[TASK OBJECTIVE]:
The response must consist of the lines below from the one with "#115=IFCLOCALPLACEMENT(#14,#2);" through the one with "#121=IFCINDEXEDPOLYGONALFACE((5,7,8,6));", exactly as they appear and with both ends kept.
───── INFORMATION
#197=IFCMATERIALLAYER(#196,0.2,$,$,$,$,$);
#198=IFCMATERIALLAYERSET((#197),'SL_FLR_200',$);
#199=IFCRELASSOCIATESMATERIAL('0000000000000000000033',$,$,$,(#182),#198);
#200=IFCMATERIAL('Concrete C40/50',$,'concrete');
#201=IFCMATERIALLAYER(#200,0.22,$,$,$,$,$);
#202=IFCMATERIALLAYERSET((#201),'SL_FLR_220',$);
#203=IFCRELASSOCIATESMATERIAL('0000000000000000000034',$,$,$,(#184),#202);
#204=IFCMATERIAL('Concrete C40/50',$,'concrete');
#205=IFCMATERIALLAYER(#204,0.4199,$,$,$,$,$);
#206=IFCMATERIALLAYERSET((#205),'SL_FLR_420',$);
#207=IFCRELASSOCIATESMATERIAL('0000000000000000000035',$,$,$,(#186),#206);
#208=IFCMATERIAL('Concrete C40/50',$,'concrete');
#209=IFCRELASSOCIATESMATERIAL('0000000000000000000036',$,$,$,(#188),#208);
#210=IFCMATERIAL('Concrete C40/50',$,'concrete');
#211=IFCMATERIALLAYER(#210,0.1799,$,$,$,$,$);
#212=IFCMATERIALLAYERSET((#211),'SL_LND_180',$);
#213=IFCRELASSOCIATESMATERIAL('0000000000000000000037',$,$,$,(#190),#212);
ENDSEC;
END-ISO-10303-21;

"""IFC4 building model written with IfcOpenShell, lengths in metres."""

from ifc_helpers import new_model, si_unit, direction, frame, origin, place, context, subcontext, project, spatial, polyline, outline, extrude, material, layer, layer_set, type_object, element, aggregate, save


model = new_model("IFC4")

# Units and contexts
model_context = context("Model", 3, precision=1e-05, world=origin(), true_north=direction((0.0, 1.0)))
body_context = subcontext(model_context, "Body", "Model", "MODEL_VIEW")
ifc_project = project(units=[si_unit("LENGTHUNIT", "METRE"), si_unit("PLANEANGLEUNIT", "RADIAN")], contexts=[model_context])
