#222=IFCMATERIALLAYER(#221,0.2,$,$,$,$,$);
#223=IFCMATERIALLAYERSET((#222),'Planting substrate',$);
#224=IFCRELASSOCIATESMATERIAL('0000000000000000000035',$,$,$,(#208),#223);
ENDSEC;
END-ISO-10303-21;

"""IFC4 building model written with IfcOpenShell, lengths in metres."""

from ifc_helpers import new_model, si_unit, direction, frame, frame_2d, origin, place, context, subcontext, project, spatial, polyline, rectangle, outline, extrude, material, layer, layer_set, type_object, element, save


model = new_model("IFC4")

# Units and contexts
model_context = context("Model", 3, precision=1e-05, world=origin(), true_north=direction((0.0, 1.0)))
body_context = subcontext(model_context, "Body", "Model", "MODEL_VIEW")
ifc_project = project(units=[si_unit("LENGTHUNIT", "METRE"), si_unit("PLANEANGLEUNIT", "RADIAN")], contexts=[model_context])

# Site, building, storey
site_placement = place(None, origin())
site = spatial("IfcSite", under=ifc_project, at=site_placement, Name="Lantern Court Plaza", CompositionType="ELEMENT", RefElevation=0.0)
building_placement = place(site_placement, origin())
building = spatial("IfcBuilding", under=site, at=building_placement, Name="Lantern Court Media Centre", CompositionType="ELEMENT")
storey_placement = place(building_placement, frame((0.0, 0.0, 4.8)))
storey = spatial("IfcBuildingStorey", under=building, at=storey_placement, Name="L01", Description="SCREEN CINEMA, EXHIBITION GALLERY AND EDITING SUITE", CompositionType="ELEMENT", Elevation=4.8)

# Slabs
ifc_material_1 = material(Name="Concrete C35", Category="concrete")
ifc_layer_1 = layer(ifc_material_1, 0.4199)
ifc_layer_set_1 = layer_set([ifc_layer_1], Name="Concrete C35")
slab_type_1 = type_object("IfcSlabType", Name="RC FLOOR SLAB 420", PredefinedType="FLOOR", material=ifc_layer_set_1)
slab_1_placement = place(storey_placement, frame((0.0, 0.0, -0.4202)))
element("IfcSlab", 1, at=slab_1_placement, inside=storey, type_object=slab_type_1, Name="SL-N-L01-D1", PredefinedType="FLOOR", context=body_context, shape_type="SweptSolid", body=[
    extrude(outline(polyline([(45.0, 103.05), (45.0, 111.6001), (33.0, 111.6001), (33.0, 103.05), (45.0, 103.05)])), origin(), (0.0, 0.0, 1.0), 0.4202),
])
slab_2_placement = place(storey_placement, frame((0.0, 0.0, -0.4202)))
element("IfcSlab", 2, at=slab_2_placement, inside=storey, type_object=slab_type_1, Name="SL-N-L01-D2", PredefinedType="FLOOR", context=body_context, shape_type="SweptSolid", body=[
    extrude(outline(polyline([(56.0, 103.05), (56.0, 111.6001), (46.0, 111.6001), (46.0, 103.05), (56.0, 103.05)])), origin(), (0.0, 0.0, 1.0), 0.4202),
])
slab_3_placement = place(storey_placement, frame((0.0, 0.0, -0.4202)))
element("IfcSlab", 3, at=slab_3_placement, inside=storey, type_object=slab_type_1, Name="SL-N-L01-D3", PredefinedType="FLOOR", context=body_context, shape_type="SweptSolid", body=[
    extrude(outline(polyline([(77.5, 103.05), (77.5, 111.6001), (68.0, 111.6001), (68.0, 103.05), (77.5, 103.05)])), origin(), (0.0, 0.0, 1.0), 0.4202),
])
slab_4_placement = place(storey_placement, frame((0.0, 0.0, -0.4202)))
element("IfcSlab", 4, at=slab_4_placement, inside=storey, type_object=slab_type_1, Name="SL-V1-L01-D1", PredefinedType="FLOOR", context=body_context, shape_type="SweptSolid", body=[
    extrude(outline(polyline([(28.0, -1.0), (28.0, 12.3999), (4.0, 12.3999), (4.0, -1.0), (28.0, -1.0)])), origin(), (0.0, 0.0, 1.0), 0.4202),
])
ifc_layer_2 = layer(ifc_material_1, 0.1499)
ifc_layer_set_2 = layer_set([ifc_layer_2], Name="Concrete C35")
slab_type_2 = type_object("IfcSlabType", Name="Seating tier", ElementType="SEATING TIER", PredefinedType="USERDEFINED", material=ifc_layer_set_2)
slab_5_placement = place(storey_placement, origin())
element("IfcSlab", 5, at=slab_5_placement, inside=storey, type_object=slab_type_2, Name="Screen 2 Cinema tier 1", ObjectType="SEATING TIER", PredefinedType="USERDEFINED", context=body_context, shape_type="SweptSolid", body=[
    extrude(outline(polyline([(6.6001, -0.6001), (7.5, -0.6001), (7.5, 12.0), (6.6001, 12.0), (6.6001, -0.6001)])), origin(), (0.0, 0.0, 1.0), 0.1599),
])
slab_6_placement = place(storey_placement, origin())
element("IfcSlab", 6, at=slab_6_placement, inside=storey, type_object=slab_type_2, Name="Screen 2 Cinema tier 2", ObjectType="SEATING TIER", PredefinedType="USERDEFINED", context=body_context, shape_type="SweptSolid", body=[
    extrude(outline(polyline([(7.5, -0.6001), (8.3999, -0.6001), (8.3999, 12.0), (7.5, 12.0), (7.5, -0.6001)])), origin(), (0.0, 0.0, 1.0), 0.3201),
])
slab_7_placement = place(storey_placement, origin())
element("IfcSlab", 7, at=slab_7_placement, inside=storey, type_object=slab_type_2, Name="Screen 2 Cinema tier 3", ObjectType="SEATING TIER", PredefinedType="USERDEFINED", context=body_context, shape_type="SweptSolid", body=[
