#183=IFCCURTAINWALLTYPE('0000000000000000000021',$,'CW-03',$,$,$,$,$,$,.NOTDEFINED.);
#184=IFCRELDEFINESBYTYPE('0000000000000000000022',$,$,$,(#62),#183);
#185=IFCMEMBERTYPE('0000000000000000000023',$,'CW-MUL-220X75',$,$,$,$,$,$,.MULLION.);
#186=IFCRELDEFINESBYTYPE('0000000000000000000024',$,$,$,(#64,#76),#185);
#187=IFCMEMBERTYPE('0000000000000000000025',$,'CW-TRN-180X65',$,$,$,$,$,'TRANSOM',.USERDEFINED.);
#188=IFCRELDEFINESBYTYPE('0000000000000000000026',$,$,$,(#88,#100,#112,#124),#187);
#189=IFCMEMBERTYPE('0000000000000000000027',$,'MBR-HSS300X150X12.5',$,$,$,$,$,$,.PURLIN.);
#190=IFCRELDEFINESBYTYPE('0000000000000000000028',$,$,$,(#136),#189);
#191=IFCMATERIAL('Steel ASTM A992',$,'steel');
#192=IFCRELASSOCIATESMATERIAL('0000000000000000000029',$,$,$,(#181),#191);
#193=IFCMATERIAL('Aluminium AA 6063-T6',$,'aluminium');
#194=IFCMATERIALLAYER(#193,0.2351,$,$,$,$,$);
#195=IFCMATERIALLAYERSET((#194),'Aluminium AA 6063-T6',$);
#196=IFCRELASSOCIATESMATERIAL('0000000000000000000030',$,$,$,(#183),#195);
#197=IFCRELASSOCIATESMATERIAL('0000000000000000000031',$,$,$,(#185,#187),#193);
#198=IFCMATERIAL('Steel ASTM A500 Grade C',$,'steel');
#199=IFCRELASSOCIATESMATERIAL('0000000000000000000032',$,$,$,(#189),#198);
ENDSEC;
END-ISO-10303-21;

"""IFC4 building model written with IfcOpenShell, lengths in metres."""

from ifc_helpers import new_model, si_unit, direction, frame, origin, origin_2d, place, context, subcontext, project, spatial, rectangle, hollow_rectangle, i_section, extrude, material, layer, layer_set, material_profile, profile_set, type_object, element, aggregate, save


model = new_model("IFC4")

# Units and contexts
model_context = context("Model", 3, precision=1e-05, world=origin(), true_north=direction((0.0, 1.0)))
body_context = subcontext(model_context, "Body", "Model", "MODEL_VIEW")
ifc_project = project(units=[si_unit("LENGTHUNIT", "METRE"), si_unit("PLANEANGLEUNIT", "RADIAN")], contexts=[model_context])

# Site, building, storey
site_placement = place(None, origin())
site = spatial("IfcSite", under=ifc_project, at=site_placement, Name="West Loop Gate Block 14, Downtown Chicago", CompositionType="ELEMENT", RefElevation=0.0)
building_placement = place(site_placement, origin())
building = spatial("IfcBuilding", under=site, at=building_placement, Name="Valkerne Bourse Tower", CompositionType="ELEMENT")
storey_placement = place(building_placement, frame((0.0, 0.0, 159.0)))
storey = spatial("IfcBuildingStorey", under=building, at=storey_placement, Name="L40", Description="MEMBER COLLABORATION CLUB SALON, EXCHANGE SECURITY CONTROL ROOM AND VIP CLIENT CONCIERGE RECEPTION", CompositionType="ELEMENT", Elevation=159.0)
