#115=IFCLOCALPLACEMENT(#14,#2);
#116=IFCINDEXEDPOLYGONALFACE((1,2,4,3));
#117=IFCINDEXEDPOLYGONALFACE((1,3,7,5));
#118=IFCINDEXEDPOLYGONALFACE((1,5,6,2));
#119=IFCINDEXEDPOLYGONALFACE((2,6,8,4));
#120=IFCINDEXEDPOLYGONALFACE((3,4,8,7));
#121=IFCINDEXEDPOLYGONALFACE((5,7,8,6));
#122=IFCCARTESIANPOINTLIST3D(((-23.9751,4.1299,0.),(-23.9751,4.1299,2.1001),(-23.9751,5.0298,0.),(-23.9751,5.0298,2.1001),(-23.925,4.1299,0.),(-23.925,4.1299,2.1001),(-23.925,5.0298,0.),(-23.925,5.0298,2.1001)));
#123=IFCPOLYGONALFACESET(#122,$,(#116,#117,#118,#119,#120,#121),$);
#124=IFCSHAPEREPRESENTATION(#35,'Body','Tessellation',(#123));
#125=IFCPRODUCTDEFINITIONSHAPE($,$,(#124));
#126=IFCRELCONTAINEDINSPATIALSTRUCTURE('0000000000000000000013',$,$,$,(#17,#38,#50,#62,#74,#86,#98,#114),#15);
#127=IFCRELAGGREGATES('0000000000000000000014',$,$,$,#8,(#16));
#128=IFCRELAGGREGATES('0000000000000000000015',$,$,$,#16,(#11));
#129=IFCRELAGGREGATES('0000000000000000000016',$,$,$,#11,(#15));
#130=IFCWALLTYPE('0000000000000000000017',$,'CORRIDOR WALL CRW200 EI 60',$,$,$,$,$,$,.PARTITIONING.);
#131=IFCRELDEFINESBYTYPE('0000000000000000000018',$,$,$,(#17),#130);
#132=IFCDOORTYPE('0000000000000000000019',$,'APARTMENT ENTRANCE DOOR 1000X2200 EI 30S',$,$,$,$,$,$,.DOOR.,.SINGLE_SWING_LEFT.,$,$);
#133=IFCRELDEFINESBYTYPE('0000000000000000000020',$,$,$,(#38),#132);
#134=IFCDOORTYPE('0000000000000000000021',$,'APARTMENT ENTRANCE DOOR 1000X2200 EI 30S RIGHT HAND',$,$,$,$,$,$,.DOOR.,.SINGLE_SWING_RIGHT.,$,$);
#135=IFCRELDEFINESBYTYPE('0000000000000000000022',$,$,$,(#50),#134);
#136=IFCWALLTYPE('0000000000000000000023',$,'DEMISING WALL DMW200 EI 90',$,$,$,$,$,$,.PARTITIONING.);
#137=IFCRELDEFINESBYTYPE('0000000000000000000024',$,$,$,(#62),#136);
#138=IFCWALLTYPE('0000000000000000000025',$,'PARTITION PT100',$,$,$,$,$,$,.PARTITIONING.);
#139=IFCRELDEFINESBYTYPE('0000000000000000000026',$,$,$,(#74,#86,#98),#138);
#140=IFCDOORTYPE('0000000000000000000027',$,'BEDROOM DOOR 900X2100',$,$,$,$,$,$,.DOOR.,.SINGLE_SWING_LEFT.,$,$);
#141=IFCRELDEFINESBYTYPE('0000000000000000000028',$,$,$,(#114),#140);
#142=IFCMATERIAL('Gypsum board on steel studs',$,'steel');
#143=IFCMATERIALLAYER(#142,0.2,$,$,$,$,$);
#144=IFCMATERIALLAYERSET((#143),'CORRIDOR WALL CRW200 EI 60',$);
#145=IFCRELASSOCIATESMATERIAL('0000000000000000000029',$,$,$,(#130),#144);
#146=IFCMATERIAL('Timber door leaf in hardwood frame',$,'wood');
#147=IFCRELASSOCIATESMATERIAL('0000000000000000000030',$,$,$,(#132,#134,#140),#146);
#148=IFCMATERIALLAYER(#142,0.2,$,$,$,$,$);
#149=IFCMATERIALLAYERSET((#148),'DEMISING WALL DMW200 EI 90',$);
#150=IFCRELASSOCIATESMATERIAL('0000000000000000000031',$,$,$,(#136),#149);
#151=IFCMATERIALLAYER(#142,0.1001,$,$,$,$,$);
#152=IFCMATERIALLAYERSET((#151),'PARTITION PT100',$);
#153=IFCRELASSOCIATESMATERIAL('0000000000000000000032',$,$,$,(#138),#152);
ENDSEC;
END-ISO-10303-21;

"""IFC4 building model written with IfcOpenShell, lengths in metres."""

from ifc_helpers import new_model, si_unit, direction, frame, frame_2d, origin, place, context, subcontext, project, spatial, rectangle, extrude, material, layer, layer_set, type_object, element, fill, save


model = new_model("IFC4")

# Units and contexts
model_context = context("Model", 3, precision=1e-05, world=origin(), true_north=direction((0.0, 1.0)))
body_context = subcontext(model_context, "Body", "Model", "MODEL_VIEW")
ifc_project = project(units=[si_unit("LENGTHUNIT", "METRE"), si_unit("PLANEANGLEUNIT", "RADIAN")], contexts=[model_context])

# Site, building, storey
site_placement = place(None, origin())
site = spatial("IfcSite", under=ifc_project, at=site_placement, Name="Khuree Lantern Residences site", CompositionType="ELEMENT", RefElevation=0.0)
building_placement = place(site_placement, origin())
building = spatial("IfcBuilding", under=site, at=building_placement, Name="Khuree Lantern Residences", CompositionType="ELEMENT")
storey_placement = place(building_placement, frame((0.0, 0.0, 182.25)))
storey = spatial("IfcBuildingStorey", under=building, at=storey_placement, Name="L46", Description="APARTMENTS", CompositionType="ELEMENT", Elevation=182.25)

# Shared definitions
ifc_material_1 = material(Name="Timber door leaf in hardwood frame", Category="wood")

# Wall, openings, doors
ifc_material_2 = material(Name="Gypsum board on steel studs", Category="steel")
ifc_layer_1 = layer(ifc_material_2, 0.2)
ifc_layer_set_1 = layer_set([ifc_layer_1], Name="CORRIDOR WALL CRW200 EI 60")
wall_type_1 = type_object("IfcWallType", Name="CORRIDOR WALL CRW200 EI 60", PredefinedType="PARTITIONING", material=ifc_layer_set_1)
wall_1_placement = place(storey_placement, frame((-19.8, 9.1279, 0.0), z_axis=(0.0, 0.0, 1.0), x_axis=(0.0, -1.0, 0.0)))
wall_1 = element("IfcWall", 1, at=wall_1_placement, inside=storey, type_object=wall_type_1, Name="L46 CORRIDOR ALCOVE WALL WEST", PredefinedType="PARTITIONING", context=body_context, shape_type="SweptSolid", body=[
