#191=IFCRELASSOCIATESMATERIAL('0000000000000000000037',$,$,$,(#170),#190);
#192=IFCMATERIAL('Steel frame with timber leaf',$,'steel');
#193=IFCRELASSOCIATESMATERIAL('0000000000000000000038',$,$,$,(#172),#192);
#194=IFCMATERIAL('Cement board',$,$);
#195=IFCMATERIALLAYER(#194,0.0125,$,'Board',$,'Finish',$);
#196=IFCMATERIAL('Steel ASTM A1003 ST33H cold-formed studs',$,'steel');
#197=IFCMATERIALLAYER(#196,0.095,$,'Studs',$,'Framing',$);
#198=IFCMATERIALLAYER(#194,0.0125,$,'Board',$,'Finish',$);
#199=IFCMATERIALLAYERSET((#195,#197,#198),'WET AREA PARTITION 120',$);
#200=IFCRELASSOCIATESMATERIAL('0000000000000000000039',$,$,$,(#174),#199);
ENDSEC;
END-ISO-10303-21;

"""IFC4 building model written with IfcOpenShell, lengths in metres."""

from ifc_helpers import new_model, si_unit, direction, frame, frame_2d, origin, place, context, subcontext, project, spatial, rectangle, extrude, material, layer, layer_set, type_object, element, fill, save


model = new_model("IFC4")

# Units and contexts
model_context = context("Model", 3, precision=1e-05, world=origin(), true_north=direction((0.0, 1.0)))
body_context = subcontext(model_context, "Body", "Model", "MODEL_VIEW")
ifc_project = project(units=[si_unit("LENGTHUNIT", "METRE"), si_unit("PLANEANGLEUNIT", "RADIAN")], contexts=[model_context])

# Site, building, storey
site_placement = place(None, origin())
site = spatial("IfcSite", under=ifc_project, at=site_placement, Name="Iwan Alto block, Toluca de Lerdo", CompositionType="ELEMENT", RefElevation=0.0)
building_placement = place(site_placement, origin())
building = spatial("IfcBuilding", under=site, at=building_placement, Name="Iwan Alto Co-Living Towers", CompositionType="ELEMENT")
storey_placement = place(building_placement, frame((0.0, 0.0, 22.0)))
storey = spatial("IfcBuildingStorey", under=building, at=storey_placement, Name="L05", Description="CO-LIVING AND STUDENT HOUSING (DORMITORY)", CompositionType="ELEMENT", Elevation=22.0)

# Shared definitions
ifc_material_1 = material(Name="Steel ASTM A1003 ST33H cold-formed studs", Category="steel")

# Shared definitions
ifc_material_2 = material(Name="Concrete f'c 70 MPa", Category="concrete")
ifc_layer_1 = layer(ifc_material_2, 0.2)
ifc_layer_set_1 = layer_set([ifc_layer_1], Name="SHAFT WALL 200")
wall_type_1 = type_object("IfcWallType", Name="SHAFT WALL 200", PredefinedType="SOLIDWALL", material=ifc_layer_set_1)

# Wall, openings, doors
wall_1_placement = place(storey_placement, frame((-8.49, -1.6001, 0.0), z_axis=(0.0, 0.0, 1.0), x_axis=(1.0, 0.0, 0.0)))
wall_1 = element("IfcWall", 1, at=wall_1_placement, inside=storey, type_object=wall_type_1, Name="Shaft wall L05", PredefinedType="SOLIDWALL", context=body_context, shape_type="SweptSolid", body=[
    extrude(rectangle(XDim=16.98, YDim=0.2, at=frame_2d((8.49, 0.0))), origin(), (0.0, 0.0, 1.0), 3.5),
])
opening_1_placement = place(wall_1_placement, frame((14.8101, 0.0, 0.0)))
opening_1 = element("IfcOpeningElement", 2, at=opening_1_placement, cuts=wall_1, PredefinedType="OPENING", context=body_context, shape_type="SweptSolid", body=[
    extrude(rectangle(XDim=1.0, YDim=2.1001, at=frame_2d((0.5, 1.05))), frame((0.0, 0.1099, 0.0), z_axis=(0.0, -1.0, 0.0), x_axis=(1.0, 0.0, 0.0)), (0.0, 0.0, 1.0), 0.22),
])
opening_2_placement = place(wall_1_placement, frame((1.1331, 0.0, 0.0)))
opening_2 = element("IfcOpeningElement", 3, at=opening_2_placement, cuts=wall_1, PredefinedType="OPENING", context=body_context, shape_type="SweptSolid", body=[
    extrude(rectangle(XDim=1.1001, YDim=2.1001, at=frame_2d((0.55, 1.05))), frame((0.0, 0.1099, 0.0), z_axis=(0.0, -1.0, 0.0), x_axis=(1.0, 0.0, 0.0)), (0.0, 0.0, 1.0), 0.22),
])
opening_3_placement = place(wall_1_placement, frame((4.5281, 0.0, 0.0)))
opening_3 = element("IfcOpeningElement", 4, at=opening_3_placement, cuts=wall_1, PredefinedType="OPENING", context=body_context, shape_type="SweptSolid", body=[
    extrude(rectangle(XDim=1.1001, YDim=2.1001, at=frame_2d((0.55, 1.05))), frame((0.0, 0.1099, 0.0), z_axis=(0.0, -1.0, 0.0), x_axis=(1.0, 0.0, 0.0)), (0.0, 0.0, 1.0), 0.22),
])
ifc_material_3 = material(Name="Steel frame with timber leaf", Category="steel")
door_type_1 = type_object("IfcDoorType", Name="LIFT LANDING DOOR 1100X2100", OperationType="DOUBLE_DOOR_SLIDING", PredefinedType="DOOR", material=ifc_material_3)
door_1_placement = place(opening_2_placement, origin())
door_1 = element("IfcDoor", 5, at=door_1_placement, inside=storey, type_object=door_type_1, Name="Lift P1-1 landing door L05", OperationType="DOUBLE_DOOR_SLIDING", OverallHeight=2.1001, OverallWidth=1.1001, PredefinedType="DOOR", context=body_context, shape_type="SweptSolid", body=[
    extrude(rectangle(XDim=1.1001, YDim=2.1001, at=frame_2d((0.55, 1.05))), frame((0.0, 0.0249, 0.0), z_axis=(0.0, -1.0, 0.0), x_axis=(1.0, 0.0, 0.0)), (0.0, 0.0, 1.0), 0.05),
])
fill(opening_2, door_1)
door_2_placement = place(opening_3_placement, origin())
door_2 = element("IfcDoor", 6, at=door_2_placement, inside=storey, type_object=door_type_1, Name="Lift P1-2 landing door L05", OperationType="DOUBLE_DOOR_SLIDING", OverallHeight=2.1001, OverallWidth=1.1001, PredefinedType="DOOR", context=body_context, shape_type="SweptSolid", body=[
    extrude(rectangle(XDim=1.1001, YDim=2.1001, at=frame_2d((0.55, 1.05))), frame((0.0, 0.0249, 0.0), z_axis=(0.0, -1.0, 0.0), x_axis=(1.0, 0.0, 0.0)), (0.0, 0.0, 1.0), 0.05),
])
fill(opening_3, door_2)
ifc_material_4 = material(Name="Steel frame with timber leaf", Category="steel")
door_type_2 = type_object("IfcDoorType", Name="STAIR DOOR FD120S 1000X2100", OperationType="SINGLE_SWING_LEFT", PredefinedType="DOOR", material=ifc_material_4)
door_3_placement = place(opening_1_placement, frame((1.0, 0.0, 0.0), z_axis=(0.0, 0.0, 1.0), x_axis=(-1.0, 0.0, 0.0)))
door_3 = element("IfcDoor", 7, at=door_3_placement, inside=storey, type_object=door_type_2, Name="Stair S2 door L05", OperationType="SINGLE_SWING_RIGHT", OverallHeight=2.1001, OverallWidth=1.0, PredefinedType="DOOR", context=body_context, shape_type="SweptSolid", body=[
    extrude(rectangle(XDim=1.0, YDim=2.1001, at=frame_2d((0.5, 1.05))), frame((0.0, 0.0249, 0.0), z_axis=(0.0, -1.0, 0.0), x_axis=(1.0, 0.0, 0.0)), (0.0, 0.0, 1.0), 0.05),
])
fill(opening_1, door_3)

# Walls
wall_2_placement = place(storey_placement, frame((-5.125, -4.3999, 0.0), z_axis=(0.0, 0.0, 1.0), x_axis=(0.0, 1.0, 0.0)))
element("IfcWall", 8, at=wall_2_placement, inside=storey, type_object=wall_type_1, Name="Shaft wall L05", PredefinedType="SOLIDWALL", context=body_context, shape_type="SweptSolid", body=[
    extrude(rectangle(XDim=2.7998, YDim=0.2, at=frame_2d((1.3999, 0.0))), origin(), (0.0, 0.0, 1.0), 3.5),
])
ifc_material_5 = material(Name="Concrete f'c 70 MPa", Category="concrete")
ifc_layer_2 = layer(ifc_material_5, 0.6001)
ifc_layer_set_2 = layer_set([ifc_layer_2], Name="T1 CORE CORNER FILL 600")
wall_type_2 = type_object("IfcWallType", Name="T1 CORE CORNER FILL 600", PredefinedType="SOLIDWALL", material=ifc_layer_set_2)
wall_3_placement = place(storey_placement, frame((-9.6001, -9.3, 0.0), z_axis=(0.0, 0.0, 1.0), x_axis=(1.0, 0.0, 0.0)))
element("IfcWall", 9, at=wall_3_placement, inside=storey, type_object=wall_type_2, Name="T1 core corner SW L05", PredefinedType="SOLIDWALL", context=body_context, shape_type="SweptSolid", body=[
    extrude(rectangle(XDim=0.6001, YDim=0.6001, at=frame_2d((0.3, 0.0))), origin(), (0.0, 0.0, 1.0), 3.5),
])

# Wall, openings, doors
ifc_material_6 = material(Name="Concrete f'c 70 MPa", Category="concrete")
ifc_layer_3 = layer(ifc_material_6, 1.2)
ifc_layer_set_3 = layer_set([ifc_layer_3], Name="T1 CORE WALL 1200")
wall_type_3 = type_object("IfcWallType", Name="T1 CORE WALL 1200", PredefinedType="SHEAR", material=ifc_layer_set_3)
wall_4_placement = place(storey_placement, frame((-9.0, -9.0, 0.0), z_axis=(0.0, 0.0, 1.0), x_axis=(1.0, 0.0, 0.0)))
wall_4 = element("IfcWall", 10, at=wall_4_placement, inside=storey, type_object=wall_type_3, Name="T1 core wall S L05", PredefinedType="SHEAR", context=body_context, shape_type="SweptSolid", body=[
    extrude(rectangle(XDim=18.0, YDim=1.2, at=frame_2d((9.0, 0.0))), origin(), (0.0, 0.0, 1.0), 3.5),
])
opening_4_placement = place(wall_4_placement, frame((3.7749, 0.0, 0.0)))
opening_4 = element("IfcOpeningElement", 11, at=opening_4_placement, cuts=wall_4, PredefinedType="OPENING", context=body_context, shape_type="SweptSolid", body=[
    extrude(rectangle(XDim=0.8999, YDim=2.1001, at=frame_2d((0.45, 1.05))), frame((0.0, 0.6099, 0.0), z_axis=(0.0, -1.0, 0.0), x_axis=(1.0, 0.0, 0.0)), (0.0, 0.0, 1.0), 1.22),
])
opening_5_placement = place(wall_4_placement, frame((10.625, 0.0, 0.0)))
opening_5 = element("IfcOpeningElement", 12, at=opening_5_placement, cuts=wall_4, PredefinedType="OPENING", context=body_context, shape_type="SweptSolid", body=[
──────────
[RESPONSE AREA]:
#115=IFCLOCALPLACEMENT(#14,#2);
#116=IFCINDEXEDPOLYGONALFACE((1,2,4,3));
#117=IFCINDEXEDPOLYGONALFACE((1,3,7,5));
#118=IFCINDEXEDPOLYGONALFACE((1,5,6,2));
#119=IFCINDEXEDPOLYGONALFACE((2,6,8,4));
#120=IFCINDEXEDPOLYGONALFACE((3,4,8,7));
#121=IFCINDEXEDPOLYGONALFACE((5,7,8,6));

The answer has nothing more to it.